• Provided records:
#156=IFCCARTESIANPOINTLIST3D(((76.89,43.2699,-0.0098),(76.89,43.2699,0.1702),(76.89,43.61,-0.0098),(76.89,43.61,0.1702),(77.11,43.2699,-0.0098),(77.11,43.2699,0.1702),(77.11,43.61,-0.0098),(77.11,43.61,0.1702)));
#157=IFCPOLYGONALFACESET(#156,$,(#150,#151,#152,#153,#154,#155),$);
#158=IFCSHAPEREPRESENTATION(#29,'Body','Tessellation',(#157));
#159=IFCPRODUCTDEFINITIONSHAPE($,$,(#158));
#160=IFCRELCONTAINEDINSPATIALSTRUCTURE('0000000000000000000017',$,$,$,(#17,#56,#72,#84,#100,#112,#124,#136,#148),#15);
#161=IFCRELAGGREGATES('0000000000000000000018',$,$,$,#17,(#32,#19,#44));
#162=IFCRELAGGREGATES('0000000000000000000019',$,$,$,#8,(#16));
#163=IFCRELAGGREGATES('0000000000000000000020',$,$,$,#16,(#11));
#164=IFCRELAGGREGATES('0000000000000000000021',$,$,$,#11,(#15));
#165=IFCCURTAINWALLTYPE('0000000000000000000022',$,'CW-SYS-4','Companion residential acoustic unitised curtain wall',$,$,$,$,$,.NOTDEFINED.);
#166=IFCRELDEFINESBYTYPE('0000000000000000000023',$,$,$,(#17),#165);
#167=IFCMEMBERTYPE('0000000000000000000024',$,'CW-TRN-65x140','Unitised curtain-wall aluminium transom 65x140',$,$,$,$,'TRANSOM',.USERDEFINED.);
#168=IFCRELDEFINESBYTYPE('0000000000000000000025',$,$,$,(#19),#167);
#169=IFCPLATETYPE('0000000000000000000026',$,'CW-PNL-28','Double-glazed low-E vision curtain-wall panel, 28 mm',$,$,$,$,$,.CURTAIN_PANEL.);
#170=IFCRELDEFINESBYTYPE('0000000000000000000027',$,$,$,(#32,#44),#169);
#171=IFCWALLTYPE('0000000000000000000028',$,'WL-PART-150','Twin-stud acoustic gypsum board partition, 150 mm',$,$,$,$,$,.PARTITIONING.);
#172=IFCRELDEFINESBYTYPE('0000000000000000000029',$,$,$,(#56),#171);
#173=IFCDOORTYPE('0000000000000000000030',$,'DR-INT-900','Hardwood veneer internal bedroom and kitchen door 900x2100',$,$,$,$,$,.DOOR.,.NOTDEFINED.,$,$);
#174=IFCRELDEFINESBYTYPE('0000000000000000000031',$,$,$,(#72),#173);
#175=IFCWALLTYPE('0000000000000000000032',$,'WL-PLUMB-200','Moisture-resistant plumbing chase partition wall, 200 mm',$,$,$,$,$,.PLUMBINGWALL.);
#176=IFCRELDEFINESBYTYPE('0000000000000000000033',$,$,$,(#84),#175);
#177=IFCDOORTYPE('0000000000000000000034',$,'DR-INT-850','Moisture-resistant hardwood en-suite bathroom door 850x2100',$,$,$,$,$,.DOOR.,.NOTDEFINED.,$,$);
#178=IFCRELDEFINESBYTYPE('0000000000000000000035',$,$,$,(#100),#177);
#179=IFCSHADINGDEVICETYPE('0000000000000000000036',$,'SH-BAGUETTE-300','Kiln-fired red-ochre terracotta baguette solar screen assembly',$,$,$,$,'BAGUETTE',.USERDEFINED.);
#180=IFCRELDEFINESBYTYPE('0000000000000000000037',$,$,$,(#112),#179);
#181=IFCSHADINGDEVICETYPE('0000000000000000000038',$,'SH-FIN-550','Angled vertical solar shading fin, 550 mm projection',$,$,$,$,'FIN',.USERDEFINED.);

• What you will do: Copy every line of the data where "IFCSHADINGDEVICETYPE" is found.

• Reply:
#179=IFCSHADINGDEVICETYPE('0000000000000000000036',$,'SH-BAGUETTE-300','Kiln-fired red-ochre terracotta baguette solar screen assembly',$,$,$,$,'BAGUETTE',.USERDEFINED.);
#181=IFCSHADINGDEVICETYPE('0000000000000000000038',$,'SH-FIN-550','Angled vertical solar shading fin, 550 mm projection',$,$,$,$,'FIN',.USERDEFINED.);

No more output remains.